* WORKING DATA *
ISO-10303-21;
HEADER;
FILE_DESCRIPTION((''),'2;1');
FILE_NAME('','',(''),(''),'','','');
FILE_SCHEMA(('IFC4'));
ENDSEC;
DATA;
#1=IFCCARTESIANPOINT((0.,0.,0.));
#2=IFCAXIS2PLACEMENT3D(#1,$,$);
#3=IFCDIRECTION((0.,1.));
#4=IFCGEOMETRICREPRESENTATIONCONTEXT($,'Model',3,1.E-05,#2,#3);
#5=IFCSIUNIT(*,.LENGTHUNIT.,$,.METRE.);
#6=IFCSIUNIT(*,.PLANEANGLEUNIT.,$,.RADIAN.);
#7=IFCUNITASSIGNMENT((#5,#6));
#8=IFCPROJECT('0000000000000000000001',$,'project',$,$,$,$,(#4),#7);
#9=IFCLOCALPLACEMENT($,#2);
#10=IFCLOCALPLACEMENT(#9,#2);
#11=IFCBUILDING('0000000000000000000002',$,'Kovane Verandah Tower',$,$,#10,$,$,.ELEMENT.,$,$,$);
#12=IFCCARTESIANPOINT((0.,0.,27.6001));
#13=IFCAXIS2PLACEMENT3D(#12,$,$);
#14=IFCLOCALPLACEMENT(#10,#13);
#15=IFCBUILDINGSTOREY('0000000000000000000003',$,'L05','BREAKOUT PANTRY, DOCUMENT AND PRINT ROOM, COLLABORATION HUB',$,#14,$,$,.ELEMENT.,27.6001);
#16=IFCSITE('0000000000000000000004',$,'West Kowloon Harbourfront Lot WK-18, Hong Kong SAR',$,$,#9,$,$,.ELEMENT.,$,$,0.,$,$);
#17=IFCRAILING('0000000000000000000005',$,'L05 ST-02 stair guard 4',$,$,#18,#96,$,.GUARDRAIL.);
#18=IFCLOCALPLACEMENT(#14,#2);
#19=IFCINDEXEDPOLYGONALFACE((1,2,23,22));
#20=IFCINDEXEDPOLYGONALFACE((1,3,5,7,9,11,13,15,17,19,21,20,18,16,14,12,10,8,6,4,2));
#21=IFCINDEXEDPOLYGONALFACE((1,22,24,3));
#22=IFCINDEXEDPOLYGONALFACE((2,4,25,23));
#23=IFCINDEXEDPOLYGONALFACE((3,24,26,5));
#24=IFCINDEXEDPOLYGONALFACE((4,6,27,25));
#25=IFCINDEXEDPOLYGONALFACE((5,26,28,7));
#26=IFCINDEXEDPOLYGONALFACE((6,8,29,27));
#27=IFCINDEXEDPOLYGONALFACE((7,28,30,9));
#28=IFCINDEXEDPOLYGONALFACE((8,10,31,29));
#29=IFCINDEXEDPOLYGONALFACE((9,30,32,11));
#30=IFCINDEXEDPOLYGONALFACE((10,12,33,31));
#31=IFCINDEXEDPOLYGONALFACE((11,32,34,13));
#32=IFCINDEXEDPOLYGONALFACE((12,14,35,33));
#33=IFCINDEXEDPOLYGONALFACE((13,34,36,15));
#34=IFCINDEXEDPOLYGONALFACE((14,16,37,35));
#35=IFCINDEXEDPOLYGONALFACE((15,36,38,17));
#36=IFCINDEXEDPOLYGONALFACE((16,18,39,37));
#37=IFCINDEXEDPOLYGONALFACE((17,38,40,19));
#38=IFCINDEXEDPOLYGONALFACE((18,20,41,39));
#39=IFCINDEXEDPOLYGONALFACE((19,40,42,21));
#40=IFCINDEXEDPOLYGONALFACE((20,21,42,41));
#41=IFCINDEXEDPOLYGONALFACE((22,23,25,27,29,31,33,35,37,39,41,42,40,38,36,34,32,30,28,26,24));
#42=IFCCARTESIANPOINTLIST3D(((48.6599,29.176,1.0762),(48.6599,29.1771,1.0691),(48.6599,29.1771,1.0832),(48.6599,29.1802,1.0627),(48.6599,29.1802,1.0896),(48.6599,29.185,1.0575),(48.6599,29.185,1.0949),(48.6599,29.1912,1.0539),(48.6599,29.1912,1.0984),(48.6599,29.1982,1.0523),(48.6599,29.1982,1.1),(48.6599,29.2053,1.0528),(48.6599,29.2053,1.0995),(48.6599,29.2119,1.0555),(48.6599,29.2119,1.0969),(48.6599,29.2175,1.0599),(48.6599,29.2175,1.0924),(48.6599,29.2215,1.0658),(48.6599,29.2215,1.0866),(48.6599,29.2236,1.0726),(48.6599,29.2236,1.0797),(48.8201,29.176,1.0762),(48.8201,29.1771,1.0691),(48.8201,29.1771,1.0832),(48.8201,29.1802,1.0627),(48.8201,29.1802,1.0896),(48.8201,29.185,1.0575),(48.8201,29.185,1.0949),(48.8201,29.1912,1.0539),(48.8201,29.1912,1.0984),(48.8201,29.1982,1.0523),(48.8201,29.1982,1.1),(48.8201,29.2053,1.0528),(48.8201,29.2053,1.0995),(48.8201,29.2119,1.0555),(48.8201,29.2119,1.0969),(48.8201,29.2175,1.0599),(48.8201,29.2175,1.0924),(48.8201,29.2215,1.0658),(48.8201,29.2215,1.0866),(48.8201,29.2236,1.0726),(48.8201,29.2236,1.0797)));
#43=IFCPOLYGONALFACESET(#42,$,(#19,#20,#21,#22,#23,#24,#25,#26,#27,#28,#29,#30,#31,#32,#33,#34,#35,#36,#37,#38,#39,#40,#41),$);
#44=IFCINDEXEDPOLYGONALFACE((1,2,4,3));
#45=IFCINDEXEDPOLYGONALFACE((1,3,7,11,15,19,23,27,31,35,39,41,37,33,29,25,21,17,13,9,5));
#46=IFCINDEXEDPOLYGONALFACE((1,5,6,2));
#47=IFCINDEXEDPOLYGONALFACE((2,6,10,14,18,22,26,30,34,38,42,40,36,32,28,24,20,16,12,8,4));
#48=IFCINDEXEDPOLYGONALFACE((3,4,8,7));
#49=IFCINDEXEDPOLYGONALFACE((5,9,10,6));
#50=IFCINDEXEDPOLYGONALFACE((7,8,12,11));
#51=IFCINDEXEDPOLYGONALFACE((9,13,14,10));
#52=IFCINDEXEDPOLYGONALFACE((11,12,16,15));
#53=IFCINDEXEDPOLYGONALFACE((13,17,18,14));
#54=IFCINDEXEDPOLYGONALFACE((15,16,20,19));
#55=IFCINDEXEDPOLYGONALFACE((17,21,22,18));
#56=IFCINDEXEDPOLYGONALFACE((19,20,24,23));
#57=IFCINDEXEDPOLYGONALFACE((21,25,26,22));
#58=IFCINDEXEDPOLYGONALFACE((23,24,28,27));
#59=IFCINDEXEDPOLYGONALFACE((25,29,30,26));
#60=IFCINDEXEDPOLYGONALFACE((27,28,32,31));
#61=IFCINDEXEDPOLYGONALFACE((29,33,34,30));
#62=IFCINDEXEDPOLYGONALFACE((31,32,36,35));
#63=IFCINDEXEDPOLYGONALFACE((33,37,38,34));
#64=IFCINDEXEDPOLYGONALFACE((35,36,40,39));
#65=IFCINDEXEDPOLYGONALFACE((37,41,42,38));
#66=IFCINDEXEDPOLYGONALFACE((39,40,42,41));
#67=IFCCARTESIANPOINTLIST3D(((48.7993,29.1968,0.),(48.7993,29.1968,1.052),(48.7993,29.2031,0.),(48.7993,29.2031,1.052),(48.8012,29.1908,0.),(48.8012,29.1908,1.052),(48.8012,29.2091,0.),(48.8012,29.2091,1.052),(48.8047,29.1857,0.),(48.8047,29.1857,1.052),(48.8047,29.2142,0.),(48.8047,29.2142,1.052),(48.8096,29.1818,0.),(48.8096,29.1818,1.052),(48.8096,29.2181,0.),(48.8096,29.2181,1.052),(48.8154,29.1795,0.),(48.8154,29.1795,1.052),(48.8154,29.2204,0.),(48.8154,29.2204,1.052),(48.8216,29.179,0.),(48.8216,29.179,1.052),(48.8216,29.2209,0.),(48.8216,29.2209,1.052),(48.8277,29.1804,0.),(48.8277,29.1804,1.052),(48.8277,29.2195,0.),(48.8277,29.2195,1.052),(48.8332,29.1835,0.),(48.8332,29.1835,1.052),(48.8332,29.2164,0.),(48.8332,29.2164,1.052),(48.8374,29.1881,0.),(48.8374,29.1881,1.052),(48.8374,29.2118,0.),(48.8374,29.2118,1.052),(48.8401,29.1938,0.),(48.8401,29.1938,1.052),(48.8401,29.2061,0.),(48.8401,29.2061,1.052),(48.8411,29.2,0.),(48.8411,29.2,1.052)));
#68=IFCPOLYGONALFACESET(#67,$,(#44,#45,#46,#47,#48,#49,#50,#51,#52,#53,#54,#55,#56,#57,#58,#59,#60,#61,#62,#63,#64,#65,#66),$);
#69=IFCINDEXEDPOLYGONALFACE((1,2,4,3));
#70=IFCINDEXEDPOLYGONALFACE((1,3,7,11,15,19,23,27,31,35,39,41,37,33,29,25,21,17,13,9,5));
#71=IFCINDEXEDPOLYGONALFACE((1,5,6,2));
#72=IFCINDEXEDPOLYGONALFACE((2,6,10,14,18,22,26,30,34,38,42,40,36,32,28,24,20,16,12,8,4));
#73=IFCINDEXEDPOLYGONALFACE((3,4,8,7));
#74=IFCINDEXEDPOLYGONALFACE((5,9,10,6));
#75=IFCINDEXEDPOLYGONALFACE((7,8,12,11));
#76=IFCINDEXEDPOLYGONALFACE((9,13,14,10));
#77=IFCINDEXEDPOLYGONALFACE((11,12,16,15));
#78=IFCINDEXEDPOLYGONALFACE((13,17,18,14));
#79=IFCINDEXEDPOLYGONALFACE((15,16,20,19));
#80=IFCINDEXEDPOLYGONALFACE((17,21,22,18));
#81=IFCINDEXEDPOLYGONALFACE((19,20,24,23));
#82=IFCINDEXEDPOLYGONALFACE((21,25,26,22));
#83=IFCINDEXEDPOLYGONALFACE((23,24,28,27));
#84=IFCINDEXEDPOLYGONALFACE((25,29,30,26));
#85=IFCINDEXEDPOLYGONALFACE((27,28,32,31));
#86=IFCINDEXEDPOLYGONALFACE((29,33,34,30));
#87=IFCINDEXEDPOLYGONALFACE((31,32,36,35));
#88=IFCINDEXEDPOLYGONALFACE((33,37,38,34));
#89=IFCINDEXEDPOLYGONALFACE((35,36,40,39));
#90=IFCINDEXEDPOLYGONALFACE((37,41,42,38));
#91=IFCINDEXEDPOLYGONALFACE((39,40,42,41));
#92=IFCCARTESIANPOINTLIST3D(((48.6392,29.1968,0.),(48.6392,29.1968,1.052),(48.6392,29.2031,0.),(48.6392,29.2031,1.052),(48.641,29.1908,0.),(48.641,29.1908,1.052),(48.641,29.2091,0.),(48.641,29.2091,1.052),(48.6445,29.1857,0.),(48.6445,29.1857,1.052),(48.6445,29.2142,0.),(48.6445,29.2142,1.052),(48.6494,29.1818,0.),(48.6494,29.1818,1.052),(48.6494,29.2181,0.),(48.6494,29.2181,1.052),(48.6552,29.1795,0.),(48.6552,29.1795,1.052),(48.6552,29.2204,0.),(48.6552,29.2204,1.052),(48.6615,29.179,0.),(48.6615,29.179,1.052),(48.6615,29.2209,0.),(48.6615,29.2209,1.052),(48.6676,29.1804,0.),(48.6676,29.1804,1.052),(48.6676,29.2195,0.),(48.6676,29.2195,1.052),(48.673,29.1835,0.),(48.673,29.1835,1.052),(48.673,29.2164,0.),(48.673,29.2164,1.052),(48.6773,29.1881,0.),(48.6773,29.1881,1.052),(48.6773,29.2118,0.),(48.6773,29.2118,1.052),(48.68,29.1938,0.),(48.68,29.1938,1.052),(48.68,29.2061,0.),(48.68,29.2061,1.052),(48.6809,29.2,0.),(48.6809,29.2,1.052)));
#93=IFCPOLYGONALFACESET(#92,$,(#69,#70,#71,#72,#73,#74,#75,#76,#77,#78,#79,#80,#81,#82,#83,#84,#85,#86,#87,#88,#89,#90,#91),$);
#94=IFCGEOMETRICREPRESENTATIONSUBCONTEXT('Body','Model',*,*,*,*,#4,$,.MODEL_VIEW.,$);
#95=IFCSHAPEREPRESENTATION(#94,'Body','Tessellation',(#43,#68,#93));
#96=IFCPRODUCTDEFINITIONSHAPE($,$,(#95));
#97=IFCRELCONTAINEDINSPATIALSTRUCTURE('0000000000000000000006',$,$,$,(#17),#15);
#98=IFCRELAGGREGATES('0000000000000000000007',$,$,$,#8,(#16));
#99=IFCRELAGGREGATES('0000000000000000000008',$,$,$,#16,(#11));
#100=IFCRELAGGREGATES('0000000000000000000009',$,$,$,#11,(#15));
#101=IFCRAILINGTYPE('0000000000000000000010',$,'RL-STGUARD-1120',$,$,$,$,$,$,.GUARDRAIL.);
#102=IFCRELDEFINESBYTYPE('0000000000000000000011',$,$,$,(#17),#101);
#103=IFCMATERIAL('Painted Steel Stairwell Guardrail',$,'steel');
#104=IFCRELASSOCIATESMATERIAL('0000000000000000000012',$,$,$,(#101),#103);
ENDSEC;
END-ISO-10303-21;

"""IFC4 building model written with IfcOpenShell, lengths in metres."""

from ifc_helpers import new_model, si_unit, direction, frame, origin, origin_2d, place, context, subcontext, project, spatial, circle, extrude, material, type_object, element, save


model = new_model("IFC4")

# Units and contexts
model_context = context("Model", 3, precision=1e-05, world=origin(), true_north=direction((0.0, 1.0)))
body_context = subcontext(model_context, "Body", "Model", "MODEL_VIEW")
ifc_project = project(units=[si_unit("LENGTHUNIT", "METRE"), si_unit("PLANEANGLEUNIT", "RADIAN")], contexts=[model_context])

# Site, building, storey
site_placement = place(None, origin())
site = spatial("IfcSite", under=ifc_project, at=site_placement, Name="West Kowloon Harbourfront Lot WK-18, Hong Kong SAR", CompositionType="ELEMENT", RefElevation=0.0)
building_placement = place(site_placement, origin())
building = spatial("IfcBuilding", under=site, at=building_placement, Name="Kovane Verandah Tower", CompositionType="ELEMENT")
storey_placement = place(building_placement, frame((0.0, 0.0, 27.6001)))
storey = spatial("IfcBuildingStorey", under=building, at=storey_placement, Name="L05", Description="BREAKOUT PANTRY, DOCUMENT AND PRINT ROOM, COLLABORATION HUB", CompositionType="ELEMENT", Elevation=27.6001)

# Railing
ifc_material_1 = material(Name="Painted Steel Stairwell Guardrail", Category="steel")
railing_type_1 = type_object("IfcRailingType", Name="RL-STGUARD-1120", PredefinedType="GUARDRAIL", material=ifc_material_1)
railing_1_placement = place(storey_placement, frame((48.8201, 29.2, 0.0)))
element("IfcRailing", 1, at=railing_1_placement, inside=storey, type_object=railing_type_1, Name="L05 ST-02 stair guard 4", PredefinedType="GUARDRAIL", context=body_context, shape_type="SweptSolid", body=[
    extrude(circle(Radius=0.0239, at=origin_2d()), frame((0.0, 0.0, 1.0762), z_axis=(-1.0, 0.0, 0.0), x_axis=(0.0, -1.0, 0.0)), (0.0, 0.0, 1.0), 0.1602),
    extrude(circle(Radius=0.021, at=origin_2d()), origin(), (0.0, 0.0, 1.0), 1.052),
    extrude(circle(Radius=0.021, at=origin_2d()), frame((-0.1602, 0.0, 0.0)), (0.0, 0.0, 1.0), 1.052),
])

save(model, "model.ifc")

* WHAT THE TASK REQUIRES *
Reproduce verbatim the range of lines that opens the records and closes with the line containing "#14=IFCLOCALPLACEMENT(#10,#13);". Omit everything after it.

* ANSWER TO THE PROBLEM *
ISO-10303-21;
HEADER;
FILE_DESCRIPTION((''),'2;1');
FILE_NAME('','',(''),(''),'','','');
FILE_SCHEMA(('IFC4'));
ENDSEC;
DATA;
#1=IFCCARTESIANPOINT((0.,0.,0.));
#2=IFCAXIS2PLACEMENT3D(#1,$,$);
#3=IFCDIRECTION((0.,1.));
#4=IFCGEOMETRICREPRESENTATIONCONTEXT($,'Model',3,1.E-05,#2,#3);
#5=IFCSIUNIT(*,.LENGTHUNIT.,$,.METRE.);
#6=IFCSIUNIT(*,.PLANEANGLEUNIT.,$,.RADIAN.);
#7=IFCUNITASSIGNMENT((#5,#6));
#8=IFCPROJECT('0000000000000000000001',$,'project',$,$,$,$,(#4),#7);
#9=IFCLOCALPLACEMENT($,#2);
#10=IFCLOCALPLACEMENT(#9,#2);
#11=IFCBUILDING('0000000000000000000002',$,'Kovane Verandah Tower',$,$,#10,$,$,.ELEMENT.,$,$,$);
#12=IFCCARTESIANPOINT((0.,0.,27.6001));
#13=IFCAXIS2PLACEMENT3D(#12,$,$);
#14=IFCLOCALPLACEMENT(#10,#13);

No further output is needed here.